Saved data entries
[Start of section]
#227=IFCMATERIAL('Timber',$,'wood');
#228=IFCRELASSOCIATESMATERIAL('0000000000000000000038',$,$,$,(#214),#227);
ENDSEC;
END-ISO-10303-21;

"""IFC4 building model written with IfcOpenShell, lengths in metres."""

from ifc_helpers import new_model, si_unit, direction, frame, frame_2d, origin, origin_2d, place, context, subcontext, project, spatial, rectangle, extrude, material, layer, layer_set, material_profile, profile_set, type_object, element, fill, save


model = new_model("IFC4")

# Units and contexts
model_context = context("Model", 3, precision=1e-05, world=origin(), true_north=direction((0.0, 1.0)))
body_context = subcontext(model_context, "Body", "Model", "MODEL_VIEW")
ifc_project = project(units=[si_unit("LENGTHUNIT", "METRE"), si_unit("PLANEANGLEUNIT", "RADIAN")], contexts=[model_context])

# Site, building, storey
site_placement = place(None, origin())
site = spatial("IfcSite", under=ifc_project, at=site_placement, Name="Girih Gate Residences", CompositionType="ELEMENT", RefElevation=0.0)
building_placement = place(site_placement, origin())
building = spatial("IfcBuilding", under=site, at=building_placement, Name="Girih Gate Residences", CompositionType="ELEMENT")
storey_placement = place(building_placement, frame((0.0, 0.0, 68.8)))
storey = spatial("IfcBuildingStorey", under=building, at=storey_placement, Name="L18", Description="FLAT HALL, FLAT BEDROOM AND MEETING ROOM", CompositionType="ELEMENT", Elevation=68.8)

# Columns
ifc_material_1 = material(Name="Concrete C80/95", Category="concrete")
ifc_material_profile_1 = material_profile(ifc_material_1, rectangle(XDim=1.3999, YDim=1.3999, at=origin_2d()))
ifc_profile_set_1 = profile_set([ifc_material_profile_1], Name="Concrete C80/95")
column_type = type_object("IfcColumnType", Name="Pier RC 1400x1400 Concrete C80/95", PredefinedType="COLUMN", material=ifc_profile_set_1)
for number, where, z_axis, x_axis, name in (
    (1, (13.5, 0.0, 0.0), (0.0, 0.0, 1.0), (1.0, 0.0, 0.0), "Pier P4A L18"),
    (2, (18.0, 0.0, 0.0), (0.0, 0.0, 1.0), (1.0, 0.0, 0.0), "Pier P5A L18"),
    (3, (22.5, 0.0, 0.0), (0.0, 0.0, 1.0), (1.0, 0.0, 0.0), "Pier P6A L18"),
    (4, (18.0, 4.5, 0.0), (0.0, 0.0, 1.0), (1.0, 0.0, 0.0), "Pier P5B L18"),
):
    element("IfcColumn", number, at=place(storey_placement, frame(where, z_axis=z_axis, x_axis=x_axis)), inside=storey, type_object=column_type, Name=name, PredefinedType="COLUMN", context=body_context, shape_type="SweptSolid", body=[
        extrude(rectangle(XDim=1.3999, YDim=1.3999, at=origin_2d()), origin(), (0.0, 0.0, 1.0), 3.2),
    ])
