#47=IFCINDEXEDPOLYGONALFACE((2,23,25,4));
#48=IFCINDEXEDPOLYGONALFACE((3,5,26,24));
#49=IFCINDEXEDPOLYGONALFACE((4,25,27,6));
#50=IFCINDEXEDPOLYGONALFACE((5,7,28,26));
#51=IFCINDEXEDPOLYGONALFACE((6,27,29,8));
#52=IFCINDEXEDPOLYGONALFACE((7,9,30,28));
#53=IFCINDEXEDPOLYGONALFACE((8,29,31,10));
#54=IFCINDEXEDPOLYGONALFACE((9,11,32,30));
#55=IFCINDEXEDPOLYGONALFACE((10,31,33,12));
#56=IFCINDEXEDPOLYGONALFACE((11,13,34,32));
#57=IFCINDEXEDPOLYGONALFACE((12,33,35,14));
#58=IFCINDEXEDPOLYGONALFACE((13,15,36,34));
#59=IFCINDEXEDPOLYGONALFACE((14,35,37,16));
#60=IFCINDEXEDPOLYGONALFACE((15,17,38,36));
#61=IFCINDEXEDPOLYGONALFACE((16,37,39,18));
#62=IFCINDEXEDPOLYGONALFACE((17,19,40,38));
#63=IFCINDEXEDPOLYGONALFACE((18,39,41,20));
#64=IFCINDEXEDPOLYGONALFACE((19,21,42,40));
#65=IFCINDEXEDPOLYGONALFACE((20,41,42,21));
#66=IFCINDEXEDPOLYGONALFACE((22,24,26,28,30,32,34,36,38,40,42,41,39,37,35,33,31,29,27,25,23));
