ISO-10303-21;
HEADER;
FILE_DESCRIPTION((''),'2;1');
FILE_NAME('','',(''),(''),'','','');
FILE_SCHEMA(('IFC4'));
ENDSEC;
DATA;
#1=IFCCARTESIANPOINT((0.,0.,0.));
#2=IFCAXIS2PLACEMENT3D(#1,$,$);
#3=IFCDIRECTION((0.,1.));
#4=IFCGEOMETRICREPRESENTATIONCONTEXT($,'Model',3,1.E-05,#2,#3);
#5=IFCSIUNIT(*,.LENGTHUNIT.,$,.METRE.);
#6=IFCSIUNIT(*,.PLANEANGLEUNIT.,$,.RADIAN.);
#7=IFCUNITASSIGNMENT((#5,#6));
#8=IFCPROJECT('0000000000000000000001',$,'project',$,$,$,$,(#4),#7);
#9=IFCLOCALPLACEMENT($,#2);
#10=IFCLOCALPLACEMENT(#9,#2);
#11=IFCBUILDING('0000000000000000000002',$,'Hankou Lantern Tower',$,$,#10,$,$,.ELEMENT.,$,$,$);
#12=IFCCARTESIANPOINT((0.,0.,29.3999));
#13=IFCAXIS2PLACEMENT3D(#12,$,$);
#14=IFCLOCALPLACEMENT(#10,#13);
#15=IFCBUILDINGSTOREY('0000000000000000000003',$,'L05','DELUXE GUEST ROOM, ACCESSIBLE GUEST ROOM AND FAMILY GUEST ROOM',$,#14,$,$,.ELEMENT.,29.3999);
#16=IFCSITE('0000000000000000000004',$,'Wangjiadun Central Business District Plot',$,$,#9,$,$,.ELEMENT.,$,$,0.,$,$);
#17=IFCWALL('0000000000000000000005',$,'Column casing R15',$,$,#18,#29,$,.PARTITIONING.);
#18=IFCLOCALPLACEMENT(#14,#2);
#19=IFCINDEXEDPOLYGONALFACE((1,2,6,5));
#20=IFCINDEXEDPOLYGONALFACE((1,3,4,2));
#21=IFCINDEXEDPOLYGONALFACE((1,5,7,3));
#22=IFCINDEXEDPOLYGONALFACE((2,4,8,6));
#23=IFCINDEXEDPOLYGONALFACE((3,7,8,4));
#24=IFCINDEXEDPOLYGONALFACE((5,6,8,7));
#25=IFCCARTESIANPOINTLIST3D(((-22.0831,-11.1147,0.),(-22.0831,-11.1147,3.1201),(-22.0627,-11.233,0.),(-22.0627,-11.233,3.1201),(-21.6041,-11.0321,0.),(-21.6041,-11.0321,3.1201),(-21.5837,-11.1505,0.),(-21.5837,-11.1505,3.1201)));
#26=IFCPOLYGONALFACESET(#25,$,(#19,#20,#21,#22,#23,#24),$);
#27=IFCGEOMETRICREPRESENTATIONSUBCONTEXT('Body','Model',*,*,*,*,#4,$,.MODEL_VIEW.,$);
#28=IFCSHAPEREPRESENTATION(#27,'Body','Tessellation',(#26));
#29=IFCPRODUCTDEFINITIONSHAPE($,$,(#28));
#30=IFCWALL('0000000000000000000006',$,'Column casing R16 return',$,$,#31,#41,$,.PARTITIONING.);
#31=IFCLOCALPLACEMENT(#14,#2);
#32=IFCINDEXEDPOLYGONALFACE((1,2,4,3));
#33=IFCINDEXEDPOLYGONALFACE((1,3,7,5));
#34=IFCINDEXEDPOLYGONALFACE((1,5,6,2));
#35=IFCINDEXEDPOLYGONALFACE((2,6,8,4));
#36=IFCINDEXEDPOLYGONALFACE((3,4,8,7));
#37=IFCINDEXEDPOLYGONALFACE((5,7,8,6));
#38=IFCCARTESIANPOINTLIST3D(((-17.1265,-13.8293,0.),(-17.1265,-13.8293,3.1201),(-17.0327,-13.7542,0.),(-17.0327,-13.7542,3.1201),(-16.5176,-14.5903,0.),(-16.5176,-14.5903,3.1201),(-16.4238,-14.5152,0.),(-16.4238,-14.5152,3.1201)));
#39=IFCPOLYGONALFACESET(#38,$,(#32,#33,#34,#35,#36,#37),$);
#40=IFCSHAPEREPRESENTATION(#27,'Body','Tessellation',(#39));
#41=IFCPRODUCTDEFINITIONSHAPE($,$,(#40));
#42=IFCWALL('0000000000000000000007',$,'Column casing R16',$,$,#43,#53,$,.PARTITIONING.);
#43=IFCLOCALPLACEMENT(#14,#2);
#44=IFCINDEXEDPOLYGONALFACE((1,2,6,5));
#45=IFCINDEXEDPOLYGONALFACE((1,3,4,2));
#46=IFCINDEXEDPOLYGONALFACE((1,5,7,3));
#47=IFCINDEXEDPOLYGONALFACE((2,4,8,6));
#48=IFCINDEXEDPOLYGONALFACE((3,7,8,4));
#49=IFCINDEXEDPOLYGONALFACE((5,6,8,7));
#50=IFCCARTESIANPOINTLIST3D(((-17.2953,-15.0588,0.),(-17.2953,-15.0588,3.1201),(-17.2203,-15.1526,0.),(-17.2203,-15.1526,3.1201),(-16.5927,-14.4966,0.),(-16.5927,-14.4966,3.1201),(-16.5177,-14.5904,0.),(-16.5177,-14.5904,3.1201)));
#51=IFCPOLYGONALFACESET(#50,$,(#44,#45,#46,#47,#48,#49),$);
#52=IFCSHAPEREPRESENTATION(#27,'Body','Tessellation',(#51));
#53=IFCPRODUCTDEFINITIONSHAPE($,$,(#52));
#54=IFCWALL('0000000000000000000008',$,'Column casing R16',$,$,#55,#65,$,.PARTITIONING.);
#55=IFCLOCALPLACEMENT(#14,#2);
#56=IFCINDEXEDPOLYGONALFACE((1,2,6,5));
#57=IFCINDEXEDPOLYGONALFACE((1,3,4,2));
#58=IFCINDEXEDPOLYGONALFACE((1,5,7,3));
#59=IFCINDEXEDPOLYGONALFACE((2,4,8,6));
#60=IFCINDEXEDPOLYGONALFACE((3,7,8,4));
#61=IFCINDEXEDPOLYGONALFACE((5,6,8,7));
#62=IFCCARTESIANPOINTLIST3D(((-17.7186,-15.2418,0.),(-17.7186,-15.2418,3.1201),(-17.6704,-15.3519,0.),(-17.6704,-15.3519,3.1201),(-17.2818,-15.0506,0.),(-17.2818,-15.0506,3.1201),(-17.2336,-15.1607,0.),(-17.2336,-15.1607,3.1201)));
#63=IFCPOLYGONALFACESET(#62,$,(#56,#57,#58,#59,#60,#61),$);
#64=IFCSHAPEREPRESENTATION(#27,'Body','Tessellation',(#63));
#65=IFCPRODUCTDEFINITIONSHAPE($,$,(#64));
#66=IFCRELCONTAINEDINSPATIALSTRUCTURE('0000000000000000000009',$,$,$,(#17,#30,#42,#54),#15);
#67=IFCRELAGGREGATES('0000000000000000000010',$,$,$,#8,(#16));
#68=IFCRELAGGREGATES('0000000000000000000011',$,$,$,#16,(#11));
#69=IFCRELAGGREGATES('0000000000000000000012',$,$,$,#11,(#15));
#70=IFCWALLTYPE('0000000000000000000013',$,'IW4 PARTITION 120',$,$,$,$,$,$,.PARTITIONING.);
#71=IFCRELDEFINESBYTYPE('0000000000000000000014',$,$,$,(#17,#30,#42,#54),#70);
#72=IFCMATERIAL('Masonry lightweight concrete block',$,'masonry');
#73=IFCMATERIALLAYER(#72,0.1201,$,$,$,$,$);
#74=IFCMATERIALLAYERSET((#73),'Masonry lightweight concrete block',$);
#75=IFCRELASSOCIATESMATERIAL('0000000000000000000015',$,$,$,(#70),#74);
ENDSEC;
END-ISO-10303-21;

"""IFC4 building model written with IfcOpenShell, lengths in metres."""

from ifc_helpers import new_model, si_unit, direction, frame, frame_2d, origin, place, context, subcontext, project, spatial, rectangle, extrude, material, layer, layer_set, type_object, element, save


model = new_model("IFC4")

# Units and contexts
model_context = context("Model", 3, precision=1e-05, world=origin(), true_north=direction((0.0, 1.0)))
body_context = subcontext(model_context, "Body", "Model", "MODEL_VIEW")
ifc_project = project(units=[si_unit("LENGTHUNIT", "METRE"), si_unit("PLANEANGLEUNIT", "RADIAN")], contexts=[model_context])

# Site, building, storey
site_placement = place(None, origin())
site = spatial("IfcSite", under=ifc_project, at=site_placement, Name="Wangjiadun Central Business District Plot", CompositionType="ELEMENT", RefElevation=0.0)
building_placement = place(site_placement, origin())
building = spatial("IfcBuilding", under=site, at=building_placement, Name="Hankou Lantern Tower", CompositionType="ELEMENT")
storey_placement = place(building_placement, frame((0.0, 0.0, 29.3999)))
storey = spatial("IfcBuildingStorey", under=building, at=storey_placement, Name="L05", Description="DELUXE GUEST ROOM, ACCESSIBLE GUEST ROOM AND FAMILY GUEST ROOM", CompositionType="ELEMENT", Elevation=29.3999)

# Walls
ifc_material_1 = material(Name="Masonry lightweight concrete block", Category="masonry")
ifc_layer_1 = layer(ifc_material_1, 0.1201)
ifc_layer_set_1 = layer_set([ifc_layer_1], Name="Masonry lightweight concrete block")
wall_type_1 = type_object("IfcWallType", Name="IW4 PARTITION 120", PredefinedType="PARTITIONING", material=ifc_layer_set_1)
wall_1_placement = place(storey_placement, frame((-21.5938, -11.0913, 0.0), z_axis=(0.0, 0.0, 1.0), x_axis=(-0.985483, -0.169772, 0.0)))
element("IfcWall", 1, at=wall_1_placement, inside=storey, type_object=wall_type_1, Name="Column casing R15", PredefinedType="PARTITIONING", context=body_context, shape_type="SweptSolid", body=[
    extrude(rectangle(XDim=0.4861, YDim=0.1201, at=frame_2d((0.2432, 0.0))), origin(), (0.0, 0.0, 1.0), 3.1201),
])
wall_2_placement = place(storey_placement, frame((-17.0796, -13.7917, 0.0), z_axis=(0.0, 0.0, 1.0), x_axis=(0.624756, -0.78082, 0.0)))
element("IfcWall", 2, at=wall_2_placement, inside=storey, type_object=wall_type_1, Name="Column casing R16 return", PredefinedType="PARTITIONING", context=body_context, shape_type="SweptSolid", body=[
    extrude(rectangle(XDim=0.9746, YDim=0.1201, at=frame_2d((0.4873, 0.0))), origin(), (0.0, 0.0, 1.0), 3.1201),
])
wall_3_placement = place(storey_placement, frame((-16.5552, -14.5435, 0.0), z_axis=(0.0, 0.0, 1.0), x_axis=(-0.780789, -0.624794, 0.0)))
element("IfcWall", 3, at=wall_3_placement, inside=storey, type_object=wall_type_1, Name="Column casing R16", PredefinedType="PARTITIONING", context=body_context, shape_type="SweptSolid", body=[
    extrude(rectangle(XDim=0.8999, YDim=0.1201, at=frame_2d((0.45, 0.0))), origin(), (0.0, 0.0, 1.0), 3.1201),
])
wall_4_placement = place(storey_placement, frame((-17.2578, -15.1057, 0.0), z_axis=(0.0, 0.0, 1.0), x_axis=(-0.916099, -0.400953, 0.0)))
element("IfcWall", 4, at=wall_4_placement, inside=storey, type_object=wall_type_1, Name="Column casing R16", PredefinedType="PARTITIONING", context=body_context, shape_type="SweptSolid", body=[
    extrude(rectangle(XDim=0.4768, YDim=0.1201, at=frame_2d((0.2383, 0.0))), origin(), (0.0, 0.0, 1.0), 3.1201),
])

save(model, "model.ifc")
[End of section]
**The task**
When a line of the records includes "IFCRELAGGREGATES", that line belongs in the answer.

**Answer**
#67=IFCRELAGGREGATES('0000000000000000000010',$,$,$,#8,(#16));
#68=IFCRELAGGREGATES('0000000000000000000011',$,$,$,#16,(#11));
#69=IFCRELAGGREGATES('0000000000000000000012',$,$,$,#11,(#15));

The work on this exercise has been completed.